* What you are asked to do:
The word "IFCMEMBERTYPE" marks the lines to find; copy every such line from the data below.
(Source data Opens)
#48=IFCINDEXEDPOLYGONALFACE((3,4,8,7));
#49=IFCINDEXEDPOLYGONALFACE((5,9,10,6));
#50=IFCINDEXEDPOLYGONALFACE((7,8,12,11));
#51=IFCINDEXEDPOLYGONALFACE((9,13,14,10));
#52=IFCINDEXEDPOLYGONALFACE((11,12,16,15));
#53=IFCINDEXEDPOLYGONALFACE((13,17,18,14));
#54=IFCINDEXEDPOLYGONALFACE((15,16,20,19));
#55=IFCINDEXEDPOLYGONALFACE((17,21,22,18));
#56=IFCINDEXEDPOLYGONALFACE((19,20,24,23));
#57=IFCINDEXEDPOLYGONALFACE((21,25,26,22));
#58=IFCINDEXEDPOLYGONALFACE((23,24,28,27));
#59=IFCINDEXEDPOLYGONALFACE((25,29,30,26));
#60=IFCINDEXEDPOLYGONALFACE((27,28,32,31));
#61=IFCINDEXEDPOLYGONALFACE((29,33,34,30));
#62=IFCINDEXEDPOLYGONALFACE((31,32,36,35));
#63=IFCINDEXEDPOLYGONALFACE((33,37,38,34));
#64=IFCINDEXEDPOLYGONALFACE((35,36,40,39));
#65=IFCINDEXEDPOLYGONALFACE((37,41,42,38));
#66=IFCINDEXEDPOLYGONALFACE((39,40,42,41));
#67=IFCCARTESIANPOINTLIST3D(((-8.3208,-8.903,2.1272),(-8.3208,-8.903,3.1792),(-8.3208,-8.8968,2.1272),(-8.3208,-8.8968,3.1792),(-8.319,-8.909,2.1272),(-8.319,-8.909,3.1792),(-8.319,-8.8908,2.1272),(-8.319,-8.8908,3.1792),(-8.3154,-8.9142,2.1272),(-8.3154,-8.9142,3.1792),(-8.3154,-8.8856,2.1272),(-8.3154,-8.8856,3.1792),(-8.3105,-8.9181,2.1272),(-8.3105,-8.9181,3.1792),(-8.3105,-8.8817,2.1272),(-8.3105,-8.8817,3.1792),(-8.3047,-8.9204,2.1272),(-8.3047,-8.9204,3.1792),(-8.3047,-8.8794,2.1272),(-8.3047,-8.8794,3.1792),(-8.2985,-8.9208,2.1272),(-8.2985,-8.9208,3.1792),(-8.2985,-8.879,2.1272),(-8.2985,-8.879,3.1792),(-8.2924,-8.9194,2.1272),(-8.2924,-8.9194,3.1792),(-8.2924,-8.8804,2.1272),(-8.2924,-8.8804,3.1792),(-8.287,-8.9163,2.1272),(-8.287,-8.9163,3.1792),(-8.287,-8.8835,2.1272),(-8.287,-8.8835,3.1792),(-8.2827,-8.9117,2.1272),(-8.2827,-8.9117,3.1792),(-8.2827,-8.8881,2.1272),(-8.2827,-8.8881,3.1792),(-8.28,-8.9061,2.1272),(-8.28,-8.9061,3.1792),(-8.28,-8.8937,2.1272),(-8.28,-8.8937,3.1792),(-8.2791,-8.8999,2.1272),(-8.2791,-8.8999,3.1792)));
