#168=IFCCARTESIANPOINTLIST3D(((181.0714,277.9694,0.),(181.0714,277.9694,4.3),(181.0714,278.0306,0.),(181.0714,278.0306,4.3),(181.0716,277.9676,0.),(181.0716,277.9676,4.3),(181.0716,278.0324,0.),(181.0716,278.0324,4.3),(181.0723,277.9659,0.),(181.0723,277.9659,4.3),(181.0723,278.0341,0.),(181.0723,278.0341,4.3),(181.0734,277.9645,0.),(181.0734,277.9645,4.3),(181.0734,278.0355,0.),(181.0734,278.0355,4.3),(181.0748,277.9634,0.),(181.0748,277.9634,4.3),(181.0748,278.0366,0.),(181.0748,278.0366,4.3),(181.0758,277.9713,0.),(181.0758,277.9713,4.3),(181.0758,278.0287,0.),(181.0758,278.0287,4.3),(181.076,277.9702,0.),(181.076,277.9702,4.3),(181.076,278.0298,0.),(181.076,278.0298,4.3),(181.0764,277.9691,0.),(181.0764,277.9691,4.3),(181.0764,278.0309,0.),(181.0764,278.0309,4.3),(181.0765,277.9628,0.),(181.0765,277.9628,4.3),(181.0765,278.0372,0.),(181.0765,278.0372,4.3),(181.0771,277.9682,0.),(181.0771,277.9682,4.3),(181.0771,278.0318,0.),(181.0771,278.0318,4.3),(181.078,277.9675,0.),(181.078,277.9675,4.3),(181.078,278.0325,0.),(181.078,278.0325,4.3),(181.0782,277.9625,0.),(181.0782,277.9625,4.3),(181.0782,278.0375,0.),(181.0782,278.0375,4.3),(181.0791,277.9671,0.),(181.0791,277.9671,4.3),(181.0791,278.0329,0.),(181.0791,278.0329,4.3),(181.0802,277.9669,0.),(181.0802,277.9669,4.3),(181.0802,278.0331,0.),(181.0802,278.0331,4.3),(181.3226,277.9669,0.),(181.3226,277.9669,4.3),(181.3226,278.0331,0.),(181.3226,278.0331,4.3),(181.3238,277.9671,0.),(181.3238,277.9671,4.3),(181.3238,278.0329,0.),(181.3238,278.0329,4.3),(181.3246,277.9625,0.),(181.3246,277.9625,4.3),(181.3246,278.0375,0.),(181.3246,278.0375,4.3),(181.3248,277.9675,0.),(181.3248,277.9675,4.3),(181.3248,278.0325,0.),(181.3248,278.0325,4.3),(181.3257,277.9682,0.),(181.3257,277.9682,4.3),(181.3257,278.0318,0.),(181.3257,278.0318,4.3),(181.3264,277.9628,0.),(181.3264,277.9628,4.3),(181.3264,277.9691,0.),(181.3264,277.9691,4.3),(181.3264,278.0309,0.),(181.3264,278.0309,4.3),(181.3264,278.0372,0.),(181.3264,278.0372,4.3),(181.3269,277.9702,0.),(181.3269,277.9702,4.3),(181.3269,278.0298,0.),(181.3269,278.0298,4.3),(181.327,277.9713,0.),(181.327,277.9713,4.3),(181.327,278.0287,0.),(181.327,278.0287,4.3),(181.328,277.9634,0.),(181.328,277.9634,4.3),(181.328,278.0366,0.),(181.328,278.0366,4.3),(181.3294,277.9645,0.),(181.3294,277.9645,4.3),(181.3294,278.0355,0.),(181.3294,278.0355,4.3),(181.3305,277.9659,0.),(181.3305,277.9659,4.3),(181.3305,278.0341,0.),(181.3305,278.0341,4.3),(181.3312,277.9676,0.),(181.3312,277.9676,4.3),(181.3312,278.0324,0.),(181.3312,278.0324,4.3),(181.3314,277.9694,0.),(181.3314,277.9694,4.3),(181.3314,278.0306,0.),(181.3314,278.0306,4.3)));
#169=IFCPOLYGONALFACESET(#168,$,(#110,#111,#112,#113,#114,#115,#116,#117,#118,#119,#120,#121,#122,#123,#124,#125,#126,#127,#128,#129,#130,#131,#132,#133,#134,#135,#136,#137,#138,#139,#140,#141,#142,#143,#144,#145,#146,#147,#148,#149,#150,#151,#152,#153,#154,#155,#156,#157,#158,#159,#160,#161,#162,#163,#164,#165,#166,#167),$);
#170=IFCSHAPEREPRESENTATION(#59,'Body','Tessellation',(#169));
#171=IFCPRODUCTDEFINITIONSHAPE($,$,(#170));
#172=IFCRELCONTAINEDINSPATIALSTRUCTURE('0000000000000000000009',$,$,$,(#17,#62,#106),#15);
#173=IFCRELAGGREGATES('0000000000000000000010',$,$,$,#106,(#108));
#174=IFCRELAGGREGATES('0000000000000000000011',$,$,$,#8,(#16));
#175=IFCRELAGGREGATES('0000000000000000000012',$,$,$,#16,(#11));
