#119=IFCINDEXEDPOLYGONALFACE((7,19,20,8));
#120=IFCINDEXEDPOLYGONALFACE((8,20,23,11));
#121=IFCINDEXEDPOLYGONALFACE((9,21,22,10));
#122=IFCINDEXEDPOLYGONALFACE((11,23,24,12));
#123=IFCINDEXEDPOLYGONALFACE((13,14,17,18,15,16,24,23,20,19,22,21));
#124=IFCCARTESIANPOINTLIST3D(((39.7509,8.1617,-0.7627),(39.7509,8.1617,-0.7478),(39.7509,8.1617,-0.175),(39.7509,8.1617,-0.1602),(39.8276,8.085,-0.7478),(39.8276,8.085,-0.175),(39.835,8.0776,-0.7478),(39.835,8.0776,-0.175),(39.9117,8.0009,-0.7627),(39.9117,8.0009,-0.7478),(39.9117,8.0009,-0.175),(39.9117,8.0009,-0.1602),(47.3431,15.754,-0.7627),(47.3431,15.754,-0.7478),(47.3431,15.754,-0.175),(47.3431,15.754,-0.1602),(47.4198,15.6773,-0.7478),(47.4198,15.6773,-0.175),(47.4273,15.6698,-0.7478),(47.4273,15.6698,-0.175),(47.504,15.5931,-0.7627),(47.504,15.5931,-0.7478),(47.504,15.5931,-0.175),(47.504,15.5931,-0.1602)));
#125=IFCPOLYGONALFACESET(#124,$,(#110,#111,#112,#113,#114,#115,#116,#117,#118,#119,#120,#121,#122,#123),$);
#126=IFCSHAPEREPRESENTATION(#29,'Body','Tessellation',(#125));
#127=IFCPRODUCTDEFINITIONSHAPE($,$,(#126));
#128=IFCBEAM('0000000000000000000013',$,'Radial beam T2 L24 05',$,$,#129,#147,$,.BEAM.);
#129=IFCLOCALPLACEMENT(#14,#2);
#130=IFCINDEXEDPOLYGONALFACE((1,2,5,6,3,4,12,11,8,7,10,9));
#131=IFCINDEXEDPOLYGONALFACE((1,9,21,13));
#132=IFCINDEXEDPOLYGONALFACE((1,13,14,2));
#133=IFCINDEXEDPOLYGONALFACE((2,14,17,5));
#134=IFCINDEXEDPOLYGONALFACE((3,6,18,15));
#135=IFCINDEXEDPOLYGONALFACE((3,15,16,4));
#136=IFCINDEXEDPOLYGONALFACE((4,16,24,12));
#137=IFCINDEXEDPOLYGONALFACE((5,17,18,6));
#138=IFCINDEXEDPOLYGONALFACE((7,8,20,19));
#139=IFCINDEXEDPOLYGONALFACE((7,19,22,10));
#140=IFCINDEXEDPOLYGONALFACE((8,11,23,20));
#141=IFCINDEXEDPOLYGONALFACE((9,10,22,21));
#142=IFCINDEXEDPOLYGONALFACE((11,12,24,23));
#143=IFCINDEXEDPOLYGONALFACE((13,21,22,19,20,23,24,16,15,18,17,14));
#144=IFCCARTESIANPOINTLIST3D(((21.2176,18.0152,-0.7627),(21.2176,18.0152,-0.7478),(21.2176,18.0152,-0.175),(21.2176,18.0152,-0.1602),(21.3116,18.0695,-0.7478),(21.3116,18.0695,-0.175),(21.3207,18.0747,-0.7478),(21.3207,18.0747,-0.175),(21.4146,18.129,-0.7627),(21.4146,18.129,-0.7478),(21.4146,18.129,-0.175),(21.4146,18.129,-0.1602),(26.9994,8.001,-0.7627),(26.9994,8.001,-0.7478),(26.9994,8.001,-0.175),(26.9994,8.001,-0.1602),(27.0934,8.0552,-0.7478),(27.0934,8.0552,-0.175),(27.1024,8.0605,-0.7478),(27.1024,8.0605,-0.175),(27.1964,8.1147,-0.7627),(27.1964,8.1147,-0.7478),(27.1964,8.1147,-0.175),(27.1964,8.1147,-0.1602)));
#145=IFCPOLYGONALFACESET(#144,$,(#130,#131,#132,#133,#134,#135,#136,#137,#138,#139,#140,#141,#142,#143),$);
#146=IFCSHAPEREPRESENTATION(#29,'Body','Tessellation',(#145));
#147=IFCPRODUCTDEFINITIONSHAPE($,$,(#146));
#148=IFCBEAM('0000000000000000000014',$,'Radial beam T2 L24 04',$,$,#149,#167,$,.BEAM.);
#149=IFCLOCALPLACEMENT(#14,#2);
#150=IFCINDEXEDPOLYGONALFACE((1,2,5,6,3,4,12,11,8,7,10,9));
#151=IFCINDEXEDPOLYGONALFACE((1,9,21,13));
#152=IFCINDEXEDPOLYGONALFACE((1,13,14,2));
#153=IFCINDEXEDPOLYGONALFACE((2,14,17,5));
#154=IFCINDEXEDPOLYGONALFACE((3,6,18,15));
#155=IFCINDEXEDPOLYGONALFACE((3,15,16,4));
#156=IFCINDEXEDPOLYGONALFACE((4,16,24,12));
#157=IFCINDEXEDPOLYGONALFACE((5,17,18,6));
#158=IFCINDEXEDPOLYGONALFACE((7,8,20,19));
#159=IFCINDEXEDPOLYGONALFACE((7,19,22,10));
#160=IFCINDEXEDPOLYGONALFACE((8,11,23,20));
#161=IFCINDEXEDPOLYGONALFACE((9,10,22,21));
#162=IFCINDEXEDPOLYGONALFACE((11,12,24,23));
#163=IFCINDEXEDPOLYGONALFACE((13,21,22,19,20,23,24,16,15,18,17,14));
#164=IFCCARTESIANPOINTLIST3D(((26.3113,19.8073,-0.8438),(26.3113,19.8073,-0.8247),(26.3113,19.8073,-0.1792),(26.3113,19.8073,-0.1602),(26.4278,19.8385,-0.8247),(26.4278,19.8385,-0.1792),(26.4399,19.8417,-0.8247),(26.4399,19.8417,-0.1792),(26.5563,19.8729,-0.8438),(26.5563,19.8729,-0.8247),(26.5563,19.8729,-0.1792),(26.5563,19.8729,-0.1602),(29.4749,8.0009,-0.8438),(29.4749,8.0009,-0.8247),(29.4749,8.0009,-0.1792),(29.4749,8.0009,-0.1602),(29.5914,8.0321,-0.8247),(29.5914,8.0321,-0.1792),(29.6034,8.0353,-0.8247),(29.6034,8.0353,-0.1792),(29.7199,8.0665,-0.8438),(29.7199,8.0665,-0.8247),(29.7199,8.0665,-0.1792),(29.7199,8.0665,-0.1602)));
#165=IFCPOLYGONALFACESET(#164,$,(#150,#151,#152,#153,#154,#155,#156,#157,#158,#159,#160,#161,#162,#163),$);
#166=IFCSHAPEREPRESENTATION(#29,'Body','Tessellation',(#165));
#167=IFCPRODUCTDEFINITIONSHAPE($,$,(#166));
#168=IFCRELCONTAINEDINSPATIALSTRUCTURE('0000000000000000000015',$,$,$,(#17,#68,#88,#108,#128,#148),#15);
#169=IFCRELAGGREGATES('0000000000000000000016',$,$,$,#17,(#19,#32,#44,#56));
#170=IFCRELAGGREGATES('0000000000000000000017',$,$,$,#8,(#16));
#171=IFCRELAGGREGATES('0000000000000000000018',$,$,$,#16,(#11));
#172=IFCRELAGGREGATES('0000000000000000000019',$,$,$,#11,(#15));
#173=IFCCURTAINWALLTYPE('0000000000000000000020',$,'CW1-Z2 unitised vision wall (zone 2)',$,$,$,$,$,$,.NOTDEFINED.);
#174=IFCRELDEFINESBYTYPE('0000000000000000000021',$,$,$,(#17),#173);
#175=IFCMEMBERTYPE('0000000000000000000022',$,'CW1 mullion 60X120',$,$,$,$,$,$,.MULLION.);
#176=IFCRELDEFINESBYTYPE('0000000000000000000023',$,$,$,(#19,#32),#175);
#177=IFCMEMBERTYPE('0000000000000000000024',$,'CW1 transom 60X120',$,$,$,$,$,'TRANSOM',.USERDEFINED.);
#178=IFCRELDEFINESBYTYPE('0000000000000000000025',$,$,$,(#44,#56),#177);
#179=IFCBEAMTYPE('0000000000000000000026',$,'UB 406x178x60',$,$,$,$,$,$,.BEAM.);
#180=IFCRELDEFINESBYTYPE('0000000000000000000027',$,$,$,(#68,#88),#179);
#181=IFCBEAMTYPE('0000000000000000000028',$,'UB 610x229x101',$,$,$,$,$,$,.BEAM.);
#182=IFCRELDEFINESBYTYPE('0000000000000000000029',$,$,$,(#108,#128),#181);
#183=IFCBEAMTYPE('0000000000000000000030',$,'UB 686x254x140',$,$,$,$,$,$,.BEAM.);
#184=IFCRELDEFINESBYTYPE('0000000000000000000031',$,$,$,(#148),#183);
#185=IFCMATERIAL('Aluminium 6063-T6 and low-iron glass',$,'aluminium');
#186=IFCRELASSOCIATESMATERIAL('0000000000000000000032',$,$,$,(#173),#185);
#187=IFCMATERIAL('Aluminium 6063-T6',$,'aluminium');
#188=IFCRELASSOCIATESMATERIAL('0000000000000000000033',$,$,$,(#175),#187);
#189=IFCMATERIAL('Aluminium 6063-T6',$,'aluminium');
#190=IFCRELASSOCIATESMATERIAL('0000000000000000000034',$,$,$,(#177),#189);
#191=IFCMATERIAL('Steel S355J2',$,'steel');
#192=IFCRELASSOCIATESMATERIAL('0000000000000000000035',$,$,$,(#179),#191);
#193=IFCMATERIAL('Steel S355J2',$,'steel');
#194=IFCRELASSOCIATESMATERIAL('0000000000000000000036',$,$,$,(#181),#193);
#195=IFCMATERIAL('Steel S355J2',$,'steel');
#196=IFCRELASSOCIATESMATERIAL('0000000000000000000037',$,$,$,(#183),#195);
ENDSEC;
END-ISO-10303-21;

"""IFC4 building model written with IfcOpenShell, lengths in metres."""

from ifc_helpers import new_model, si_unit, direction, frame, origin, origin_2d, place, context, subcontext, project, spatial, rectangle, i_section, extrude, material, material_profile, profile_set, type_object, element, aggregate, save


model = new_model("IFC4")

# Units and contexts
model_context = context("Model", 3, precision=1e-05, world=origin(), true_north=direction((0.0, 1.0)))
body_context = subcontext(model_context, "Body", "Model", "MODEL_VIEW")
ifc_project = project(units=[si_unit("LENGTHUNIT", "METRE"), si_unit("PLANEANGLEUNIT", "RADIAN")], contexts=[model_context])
(Source data Closes)
* Your solution:
#175=IFCMEMBERTYPE('0000000000000000000022',$,'CW1 mullion 60X120',$,$,$,$,$,$,.MULLION.);
#177=IFCMEMBERTYPE('0000000000000000000024',$,'CW1 transom 60X120',$,$,$,$,$,'TRANSOM',.USERDEFINED.);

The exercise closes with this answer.